AVAILABLE DATA Start Marker
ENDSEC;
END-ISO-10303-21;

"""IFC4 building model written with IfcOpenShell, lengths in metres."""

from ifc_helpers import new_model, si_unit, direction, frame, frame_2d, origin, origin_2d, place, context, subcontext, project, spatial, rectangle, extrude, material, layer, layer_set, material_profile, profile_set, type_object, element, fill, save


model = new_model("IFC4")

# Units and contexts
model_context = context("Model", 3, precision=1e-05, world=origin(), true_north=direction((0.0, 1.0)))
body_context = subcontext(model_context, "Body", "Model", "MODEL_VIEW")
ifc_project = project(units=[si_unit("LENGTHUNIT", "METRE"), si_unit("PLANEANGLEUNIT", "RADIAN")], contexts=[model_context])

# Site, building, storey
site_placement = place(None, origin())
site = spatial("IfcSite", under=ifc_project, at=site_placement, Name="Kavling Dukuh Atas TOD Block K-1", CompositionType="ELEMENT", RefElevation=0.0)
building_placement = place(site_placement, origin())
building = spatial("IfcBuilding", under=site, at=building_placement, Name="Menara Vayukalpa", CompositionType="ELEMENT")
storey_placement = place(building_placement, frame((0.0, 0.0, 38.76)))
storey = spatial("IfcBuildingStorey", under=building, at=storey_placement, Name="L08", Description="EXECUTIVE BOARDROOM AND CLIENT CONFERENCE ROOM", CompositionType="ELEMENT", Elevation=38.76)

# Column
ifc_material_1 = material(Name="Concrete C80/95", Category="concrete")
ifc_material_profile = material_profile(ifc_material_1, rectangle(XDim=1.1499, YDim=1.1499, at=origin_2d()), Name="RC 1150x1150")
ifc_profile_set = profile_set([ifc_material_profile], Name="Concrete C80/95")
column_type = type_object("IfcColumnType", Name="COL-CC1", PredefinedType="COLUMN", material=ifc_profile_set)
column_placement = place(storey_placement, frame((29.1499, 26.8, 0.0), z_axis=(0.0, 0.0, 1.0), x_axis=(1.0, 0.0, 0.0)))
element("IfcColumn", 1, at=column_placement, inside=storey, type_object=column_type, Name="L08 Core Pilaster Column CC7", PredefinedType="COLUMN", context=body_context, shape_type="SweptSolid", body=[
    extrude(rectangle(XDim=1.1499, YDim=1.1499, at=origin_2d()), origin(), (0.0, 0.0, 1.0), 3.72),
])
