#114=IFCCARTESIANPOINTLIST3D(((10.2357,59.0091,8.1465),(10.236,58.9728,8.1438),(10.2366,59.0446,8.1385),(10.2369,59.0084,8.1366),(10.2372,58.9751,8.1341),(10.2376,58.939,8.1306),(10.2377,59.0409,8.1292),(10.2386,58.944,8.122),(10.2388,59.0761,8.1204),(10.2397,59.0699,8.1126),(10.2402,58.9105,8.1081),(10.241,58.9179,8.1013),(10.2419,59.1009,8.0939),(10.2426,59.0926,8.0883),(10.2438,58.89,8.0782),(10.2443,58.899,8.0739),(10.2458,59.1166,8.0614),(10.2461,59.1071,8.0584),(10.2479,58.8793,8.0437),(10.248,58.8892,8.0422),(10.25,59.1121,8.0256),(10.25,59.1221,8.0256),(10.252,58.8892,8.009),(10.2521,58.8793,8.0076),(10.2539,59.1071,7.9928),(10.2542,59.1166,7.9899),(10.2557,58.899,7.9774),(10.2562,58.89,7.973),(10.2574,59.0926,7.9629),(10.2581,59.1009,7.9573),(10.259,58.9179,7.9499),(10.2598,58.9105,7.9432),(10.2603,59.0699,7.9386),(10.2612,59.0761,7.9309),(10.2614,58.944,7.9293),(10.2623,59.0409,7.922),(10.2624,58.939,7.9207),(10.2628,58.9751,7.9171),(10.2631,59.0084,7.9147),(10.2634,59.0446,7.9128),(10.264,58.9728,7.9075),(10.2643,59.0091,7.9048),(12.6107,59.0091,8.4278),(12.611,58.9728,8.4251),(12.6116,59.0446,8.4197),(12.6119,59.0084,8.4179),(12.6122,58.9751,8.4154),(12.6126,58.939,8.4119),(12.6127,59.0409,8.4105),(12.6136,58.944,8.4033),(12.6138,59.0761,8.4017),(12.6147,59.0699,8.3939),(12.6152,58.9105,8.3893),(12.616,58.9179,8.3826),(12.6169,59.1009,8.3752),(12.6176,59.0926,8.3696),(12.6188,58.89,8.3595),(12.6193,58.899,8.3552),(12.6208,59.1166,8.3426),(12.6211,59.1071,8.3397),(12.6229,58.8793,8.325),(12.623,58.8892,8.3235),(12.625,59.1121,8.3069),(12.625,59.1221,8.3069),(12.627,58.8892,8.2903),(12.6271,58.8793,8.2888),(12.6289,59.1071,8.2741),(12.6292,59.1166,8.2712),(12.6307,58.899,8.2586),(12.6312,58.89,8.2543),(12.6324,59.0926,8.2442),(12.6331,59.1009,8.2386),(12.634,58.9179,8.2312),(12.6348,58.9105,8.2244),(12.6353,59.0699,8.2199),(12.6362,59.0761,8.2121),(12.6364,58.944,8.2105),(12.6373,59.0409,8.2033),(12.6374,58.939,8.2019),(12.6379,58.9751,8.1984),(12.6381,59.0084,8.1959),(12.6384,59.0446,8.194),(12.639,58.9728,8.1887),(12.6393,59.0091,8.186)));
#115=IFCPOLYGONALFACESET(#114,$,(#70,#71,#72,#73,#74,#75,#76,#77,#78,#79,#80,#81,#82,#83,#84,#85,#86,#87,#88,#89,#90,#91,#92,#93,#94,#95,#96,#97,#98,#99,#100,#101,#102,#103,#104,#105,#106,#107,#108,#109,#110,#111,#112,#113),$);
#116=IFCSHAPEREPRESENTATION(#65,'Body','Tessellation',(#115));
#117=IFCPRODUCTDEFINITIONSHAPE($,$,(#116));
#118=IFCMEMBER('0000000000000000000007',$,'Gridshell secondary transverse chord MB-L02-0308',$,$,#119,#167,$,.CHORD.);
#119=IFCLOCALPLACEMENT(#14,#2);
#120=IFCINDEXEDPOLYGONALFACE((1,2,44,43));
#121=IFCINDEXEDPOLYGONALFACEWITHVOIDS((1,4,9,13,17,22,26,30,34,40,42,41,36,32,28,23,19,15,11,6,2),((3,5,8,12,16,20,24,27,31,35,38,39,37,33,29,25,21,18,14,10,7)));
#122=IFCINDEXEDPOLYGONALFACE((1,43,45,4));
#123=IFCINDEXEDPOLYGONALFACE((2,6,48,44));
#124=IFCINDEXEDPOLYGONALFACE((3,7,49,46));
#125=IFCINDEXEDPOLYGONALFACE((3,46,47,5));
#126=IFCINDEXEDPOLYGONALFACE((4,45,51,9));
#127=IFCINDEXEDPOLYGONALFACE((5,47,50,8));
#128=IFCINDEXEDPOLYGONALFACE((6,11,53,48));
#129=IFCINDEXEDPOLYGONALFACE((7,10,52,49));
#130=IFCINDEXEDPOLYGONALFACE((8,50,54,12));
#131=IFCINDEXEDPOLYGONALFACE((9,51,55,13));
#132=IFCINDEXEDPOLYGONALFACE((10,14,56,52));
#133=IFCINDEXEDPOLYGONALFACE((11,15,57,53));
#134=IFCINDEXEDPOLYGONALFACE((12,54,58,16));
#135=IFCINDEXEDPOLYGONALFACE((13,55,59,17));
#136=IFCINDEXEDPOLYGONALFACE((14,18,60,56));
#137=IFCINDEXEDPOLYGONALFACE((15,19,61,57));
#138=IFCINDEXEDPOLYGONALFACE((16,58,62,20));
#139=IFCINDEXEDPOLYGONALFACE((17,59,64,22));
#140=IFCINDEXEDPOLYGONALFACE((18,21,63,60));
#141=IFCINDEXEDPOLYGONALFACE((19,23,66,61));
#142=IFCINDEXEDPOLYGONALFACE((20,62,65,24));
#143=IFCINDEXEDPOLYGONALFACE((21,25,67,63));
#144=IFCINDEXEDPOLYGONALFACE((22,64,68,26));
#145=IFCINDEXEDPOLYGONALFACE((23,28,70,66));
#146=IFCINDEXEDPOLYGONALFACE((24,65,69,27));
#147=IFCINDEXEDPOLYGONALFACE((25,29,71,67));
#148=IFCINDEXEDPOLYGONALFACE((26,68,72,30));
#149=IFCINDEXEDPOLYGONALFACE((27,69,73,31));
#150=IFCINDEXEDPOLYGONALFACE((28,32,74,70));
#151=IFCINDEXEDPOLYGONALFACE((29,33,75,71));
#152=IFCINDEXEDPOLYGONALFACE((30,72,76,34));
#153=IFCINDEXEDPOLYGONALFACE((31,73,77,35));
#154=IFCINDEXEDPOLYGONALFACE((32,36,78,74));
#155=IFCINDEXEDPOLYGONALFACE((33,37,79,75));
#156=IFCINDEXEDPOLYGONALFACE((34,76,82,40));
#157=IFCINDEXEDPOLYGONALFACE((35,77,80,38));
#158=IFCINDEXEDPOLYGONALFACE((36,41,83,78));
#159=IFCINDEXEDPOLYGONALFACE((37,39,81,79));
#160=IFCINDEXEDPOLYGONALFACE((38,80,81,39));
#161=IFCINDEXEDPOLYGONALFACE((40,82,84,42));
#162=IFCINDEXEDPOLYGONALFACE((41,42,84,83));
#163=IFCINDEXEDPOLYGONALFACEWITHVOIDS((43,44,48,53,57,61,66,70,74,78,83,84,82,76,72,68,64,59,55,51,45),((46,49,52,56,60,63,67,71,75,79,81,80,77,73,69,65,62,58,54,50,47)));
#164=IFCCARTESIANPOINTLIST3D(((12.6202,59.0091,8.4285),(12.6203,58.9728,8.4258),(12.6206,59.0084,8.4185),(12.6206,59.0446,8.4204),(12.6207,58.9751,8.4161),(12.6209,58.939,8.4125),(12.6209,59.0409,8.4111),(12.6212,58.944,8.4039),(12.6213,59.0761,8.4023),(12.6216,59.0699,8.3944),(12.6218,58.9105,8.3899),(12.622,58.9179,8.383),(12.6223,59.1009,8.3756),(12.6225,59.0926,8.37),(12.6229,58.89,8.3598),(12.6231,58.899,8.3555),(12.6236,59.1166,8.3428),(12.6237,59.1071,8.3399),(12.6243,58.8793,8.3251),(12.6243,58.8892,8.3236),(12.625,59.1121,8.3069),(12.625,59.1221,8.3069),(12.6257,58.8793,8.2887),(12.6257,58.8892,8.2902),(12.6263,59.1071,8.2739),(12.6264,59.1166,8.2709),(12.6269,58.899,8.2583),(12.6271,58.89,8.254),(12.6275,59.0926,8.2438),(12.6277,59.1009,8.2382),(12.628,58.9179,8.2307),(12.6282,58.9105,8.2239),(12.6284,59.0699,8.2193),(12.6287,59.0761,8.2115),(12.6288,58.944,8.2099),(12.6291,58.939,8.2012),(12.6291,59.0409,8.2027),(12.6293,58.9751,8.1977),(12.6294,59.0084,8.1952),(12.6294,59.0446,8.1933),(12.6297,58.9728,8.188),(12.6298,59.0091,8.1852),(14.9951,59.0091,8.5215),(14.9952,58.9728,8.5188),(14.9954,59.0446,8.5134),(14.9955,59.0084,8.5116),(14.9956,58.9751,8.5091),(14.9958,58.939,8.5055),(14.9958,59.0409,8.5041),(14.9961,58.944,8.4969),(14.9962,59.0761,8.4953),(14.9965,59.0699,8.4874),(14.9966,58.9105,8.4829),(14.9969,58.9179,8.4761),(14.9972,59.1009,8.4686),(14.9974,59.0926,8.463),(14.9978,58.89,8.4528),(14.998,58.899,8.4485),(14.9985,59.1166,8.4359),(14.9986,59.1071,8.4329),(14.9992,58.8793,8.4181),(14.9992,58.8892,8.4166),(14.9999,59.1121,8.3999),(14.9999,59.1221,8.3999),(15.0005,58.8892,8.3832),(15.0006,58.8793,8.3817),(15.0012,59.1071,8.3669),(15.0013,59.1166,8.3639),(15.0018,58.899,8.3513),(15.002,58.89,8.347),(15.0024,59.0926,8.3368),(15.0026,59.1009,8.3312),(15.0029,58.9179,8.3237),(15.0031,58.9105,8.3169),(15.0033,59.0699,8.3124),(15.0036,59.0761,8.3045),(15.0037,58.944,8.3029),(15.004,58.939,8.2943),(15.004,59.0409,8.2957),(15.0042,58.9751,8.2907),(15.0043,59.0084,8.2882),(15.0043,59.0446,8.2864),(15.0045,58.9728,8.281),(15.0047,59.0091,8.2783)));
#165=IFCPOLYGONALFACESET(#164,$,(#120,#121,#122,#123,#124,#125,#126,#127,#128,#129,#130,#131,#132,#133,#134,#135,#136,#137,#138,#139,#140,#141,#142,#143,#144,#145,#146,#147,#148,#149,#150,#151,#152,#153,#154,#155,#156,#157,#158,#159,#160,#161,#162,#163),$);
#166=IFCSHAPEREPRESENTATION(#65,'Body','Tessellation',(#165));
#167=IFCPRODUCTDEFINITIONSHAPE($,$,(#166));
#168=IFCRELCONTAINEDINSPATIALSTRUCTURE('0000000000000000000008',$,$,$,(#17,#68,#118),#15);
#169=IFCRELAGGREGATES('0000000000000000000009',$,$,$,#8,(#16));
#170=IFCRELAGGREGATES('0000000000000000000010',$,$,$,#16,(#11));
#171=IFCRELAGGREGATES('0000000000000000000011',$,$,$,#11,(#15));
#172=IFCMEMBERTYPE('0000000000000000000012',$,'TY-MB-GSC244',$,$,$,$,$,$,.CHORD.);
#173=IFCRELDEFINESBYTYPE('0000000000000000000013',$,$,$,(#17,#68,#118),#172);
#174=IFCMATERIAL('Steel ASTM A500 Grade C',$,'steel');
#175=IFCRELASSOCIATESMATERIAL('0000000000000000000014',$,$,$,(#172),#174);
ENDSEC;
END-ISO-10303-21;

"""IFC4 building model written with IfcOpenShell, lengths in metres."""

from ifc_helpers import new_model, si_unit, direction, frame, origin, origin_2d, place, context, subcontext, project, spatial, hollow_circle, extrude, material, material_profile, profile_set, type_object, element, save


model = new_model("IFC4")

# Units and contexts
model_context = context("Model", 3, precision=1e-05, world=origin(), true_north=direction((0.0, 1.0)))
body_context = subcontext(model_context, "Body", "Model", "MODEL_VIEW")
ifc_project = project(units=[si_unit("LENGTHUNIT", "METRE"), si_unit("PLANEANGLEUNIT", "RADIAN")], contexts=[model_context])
AVAILABLE DATA End Marker
AVAILABLE DATA Start Marker
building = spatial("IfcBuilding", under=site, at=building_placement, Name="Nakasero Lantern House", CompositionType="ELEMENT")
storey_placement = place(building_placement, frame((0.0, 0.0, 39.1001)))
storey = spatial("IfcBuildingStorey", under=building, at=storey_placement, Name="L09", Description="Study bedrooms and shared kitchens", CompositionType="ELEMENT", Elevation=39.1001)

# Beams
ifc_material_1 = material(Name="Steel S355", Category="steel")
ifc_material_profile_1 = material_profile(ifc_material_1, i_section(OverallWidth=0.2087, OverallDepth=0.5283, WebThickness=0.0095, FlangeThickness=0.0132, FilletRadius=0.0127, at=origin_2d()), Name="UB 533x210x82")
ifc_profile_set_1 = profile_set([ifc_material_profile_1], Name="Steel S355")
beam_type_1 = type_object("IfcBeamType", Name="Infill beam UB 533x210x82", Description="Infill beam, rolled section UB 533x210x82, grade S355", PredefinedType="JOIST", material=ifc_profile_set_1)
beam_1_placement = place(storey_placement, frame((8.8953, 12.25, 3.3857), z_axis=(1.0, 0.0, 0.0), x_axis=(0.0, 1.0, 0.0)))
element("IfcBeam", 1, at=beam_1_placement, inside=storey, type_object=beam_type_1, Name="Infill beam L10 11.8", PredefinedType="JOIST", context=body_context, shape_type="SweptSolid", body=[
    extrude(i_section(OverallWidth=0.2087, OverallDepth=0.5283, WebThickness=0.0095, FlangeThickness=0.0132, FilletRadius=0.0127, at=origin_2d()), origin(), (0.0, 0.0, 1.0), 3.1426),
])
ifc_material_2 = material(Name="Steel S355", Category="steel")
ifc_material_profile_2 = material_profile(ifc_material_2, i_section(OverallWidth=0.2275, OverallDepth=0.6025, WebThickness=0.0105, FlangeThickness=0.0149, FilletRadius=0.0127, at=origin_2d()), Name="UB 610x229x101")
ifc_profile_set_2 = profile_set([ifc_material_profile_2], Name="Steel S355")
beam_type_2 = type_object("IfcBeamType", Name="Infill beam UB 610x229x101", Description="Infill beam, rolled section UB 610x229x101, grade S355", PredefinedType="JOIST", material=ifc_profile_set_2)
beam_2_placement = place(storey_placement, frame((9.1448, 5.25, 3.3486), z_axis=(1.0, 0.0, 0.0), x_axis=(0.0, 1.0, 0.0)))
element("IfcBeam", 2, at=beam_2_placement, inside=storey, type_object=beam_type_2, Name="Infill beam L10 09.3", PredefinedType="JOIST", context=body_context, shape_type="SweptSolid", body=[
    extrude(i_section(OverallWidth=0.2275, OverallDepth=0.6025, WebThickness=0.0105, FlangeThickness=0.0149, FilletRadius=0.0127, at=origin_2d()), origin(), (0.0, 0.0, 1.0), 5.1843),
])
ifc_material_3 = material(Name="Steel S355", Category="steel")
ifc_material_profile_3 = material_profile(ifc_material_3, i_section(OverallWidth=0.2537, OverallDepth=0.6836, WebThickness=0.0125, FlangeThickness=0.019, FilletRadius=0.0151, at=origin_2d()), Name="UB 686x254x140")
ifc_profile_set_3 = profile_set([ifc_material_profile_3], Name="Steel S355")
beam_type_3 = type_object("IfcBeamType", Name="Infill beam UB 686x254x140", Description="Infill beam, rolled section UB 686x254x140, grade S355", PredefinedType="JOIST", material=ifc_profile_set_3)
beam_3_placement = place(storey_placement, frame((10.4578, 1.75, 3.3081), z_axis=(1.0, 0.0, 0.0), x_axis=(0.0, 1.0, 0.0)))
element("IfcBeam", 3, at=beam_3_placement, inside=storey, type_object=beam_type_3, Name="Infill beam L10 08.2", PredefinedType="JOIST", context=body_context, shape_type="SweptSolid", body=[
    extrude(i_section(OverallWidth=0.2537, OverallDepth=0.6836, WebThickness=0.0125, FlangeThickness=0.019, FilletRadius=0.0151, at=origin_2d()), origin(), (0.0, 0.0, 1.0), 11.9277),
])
AVAILABLE DATA End Marker
§ **PROBLEM TO SOLVE**
Establish how many lines of the records contain the string "rolled" and state that number without elaboration.

§ **EXPECTED OUTPUT**
3